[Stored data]
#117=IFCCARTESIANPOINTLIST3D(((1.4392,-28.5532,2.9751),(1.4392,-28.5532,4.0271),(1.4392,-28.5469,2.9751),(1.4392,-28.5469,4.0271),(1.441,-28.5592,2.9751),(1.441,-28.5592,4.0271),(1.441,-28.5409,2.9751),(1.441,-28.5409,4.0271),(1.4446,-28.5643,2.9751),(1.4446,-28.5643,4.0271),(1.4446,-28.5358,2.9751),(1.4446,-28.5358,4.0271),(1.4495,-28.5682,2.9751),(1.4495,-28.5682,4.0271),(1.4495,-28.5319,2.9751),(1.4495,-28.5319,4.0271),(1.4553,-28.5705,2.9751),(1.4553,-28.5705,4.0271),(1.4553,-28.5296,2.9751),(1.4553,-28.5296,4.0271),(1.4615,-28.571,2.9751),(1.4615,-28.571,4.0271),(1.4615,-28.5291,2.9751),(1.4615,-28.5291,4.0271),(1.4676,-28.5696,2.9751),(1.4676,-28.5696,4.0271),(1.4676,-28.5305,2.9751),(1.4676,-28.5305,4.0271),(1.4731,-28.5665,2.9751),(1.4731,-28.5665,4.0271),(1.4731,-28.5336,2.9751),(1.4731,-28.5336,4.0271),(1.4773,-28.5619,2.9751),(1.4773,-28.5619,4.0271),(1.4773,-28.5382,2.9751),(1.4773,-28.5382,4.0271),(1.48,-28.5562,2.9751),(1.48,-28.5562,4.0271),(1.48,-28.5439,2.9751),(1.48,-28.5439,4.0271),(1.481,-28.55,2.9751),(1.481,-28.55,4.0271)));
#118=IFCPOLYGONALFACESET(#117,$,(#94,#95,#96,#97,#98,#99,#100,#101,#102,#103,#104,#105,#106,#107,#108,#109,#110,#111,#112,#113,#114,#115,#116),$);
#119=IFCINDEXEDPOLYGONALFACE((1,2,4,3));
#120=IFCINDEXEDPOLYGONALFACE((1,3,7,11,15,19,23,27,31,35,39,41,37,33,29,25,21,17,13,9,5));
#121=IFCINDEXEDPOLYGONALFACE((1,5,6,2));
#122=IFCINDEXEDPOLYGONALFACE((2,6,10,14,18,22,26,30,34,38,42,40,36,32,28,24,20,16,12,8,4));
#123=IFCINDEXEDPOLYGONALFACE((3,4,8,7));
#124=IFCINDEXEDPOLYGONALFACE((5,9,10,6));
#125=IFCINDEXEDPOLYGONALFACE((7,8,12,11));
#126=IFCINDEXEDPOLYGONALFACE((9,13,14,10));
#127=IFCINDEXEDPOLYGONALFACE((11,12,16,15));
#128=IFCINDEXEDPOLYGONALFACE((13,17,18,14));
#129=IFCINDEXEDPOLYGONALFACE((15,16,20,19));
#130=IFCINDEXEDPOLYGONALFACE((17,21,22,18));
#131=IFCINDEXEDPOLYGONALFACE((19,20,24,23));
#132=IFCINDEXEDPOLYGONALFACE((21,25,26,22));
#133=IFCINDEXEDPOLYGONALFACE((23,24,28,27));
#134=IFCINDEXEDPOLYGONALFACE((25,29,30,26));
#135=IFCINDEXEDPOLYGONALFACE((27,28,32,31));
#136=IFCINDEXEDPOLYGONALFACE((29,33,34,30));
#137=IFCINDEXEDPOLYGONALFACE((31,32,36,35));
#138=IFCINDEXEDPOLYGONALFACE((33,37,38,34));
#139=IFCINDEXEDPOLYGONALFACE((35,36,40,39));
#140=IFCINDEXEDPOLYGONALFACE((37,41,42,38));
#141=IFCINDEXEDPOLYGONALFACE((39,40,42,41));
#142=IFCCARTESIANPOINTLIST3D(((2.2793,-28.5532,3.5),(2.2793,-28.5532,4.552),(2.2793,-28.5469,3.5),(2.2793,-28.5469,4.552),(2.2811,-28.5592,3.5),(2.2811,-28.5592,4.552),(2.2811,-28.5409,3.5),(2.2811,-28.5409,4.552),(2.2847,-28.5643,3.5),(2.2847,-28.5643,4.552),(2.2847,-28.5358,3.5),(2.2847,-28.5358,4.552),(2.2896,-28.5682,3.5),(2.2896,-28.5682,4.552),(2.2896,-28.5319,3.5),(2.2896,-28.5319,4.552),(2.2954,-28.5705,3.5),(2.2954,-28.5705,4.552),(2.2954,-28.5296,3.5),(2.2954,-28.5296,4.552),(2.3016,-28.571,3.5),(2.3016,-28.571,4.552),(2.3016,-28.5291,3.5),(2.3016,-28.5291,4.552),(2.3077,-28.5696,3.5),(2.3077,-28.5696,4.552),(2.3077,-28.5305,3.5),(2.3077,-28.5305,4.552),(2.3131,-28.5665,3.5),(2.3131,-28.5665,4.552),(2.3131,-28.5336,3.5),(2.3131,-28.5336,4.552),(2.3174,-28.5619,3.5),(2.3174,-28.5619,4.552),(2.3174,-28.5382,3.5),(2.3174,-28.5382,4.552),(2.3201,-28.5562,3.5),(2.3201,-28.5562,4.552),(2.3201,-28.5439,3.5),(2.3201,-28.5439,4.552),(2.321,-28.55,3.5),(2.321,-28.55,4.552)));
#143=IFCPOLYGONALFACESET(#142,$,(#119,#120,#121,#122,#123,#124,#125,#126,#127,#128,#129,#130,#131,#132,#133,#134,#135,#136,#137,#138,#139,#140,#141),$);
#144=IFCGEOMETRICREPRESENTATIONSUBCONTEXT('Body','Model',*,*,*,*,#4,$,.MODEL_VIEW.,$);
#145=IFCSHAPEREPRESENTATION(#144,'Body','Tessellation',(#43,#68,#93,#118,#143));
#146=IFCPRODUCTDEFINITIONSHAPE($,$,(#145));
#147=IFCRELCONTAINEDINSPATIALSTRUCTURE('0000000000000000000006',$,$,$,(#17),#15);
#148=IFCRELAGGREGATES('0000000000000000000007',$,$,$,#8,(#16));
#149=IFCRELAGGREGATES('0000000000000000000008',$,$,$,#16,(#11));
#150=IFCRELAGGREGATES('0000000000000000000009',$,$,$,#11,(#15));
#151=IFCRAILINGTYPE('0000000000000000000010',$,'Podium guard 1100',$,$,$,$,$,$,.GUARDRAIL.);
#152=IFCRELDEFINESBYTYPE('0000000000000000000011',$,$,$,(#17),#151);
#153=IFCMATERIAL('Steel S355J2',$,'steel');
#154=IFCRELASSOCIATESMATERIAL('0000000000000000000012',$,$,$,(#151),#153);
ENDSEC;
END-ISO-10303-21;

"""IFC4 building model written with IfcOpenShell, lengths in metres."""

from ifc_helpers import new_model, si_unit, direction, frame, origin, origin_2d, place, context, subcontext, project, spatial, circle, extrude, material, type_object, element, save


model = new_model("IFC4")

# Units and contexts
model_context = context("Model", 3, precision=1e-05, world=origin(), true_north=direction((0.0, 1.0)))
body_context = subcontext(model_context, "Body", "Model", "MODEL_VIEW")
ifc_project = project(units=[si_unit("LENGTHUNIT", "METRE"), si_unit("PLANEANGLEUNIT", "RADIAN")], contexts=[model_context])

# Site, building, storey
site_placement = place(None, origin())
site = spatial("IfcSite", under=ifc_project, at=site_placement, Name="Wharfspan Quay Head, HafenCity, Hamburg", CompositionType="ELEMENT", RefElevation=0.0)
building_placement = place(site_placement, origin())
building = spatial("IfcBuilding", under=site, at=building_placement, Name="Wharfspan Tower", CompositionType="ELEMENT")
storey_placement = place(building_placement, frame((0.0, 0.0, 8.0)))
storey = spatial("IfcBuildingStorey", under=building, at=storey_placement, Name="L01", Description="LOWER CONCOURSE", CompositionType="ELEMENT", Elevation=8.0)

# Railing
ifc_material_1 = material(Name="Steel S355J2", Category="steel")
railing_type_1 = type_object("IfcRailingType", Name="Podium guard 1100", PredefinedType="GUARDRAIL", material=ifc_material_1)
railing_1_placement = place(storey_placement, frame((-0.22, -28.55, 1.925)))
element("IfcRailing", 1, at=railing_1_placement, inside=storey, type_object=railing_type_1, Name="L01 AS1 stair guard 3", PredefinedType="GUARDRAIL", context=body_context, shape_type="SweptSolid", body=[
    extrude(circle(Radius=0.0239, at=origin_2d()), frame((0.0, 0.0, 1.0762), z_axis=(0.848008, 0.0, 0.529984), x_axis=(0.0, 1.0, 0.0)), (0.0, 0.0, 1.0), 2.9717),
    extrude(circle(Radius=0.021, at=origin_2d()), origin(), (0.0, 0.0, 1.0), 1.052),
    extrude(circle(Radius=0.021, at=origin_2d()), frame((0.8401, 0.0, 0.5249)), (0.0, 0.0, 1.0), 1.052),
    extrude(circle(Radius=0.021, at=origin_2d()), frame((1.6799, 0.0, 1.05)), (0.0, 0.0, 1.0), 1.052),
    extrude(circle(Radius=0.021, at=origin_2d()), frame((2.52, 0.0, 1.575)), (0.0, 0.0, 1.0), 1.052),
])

▸ **TASK GOAL**
A word-for-word copy of the lines above from the one with "#133=IFCINDEXEDPOLYGONALFACE((23,24,28,27));" through the one with "#141=IFCINDEXEDPOLYGONALFACE((39,40,42,41));", inclusive, is the only output wanted.

▸ **RESPONSE AREA**
#133=IFCINDEXEDPOLYGONALFACE((23,24,28,27));
#134=IFCINDEXEDPOLYGONALFACE((25,29,30,26));
#135=IFCINDEXEDPOLYGONALFACE((27,28,32,31));
#136=IFCINDEXEDPOLYGONALFACE((29,33,34,30));
#137=IFCINDEXEDPOLYGONALFACE((31,32,36,35));
#138=IFCINDEXEDPOLYGONALFACE((33,37,38,34));
#139=IFCINDEXEDPOLYGONALFACE((35,36,40,39));
#140=IFCINDEXEDPOLYGONALFACE((37,41,42,38));
#141=IFCINDEXEDPOLYGONALFACE((39,40,42,41));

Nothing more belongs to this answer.